Directions: What appears from the first line of the data below through the line containing "#141=IFCINDEXEDPOLYGONALFACE((39,40,42,41));", both included, should be copied exactly, and nothing else.

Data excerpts
-------

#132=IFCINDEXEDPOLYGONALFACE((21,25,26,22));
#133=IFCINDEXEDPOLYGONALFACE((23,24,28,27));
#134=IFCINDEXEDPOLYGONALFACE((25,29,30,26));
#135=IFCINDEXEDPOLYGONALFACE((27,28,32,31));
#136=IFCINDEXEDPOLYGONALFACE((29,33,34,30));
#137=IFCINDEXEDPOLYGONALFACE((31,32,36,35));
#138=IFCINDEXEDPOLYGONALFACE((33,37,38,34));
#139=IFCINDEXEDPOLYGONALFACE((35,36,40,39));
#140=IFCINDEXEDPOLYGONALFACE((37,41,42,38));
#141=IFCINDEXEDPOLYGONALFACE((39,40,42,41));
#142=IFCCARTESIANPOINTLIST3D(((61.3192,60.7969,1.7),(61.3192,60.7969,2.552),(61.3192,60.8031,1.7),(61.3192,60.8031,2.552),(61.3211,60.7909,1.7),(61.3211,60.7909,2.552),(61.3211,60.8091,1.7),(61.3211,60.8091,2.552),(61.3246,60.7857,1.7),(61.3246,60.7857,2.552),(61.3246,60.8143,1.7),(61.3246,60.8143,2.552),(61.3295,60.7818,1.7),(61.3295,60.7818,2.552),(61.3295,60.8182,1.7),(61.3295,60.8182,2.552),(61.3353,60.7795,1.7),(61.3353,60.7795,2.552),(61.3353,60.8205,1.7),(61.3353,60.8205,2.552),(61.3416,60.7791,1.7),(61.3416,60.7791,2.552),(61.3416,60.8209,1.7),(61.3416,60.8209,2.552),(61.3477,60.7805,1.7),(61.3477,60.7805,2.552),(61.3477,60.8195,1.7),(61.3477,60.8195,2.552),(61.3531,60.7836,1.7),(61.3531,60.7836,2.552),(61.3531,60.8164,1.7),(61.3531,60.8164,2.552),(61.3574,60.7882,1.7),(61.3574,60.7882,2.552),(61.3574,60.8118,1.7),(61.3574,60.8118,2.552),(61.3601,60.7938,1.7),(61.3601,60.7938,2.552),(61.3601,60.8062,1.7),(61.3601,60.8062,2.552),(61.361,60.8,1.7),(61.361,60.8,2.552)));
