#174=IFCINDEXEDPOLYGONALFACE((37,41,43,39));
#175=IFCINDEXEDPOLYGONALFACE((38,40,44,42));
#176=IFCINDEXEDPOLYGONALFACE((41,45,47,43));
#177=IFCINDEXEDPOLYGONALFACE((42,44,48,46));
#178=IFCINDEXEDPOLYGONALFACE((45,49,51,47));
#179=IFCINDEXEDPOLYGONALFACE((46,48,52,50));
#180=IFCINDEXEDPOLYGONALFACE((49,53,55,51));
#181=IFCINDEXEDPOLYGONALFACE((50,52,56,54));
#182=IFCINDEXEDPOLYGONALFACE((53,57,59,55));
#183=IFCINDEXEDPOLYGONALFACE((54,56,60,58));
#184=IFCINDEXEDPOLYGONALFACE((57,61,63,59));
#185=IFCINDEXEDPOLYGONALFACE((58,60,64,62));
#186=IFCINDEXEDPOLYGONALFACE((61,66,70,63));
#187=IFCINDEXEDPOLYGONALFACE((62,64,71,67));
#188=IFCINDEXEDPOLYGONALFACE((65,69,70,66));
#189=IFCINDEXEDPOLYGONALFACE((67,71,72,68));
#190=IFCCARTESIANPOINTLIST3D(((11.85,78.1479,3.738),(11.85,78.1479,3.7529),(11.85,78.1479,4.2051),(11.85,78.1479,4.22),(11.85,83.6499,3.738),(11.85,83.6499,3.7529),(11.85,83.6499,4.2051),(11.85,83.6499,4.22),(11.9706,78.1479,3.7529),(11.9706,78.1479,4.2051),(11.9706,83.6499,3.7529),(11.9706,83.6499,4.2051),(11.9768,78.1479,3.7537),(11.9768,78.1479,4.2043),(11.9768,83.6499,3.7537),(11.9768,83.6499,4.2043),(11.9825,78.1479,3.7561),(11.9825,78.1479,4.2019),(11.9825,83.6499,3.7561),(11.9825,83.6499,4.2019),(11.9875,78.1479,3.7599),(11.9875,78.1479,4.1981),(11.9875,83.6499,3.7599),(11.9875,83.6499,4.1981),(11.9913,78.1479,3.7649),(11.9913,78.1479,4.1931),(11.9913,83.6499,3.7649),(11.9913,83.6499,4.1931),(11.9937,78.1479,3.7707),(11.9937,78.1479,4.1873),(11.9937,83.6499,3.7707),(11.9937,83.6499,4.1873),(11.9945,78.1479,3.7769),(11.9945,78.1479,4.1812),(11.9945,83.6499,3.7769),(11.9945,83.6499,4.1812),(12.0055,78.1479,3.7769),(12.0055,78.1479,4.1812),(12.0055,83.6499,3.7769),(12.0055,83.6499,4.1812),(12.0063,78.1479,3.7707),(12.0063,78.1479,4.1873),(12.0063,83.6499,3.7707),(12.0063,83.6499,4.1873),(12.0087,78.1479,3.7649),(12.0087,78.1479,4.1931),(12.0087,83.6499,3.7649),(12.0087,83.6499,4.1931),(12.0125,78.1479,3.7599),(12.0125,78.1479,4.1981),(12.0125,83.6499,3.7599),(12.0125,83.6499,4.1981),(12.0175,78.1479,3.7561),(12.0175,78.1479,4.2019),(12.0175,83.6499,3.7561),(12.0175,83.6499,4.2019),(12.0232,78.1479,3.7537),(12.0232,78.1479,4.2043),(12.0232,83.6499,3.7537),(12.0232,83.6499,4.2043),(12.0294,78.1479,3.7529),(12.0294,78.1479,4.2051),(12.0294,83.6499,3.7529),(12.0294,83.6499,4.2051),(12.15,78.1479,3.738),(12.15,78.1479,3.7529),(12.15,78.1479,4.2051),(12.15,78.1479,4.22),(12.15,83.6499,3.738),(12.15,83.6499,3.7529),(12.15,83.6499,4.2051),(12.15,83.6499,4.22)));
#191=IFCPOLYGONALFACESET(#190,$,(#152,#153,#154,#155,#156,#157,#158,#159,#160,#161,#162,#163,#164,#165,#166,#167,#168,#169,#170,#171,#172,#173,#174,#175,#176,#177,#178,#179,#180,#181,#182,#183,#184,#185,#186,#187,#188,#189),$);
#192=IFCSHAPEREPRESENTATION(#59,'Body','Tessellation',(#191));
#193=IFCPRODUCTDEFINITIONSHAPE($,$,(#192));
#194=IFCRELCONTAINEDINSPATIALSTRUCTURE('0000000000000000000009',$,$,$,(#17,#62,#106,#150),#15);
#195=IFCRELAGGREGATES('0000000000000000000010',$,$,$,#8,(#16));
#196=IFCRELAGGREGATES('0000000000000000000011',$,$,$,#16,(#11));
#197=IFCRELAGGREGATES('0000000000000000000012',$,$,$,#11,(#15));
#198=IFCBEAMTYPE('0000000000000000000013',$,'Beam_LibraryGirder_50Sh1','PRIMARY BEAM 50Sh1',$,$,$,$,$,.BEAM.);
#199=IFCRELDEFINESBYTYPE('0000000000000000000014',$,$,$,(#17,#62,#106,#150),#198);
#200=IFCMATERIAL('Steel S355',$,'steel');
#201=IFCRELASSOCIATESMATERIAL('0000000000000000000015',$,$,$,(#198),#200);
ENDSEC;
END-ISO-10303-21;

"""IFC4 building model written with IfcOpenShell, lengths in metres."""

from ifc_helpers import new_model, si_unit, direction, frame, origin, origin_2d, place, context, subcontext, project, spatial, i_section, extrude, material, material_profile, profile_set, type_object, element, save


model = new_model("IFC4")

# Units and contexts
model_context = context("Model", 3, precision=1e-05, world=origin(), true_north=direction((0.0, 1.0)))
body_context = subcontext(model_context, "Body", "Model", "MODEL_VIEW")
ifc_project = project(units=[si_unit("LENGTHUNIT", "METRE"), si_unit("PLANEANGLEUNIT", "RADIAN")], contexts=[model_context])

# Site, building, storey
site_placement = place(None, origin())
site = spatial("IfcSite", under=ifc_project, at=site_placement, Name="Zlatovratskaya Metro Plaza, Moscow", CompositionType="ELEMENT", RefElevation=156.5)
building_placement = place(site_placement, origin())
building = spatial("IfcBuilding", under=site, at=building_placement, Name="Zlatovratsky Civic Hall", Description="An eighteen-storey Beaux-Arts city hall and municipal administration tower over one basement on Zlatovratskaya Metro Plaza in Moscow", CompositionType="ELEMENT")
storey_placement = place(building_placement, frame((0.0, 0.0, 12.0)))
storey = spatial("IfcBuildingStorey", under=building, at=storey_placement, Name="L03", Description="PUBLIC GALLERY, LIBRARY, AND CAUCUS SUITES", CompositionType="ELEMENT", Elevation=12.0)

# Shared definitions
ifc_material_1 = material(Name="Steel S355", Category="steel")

-------

Answer for this exercise:
#132=IFCINDEXEDPOLYGONALFACE((21,25,26,22));
#133=IFCINDEXEDPOLYGONALFACE((23,24,28,27));
#134=IFCINDEXEDPOLYGONALFACE((25,29,30,26));
#135=IFCINDEXEDPOLYGONALFACE((27,28,32,31));
#136=IFCINDEXEDPOLYGONALFACE((29,33,34,30));
#137=IFCINDEXEDPOLYGONALFACE((31,32,36,35));
#138=IFCINDEXEDPOLYGONALFACE((33,37,38,34));
#139=IFCINDEXEDPOLYGONALFACE((35,36,40,39));
#140=IFCINDEXEDPOLYGONALFACE((37,41,42,38));
#141=IFCINDEXEDPOLYGONALFACE((39,40,42,41));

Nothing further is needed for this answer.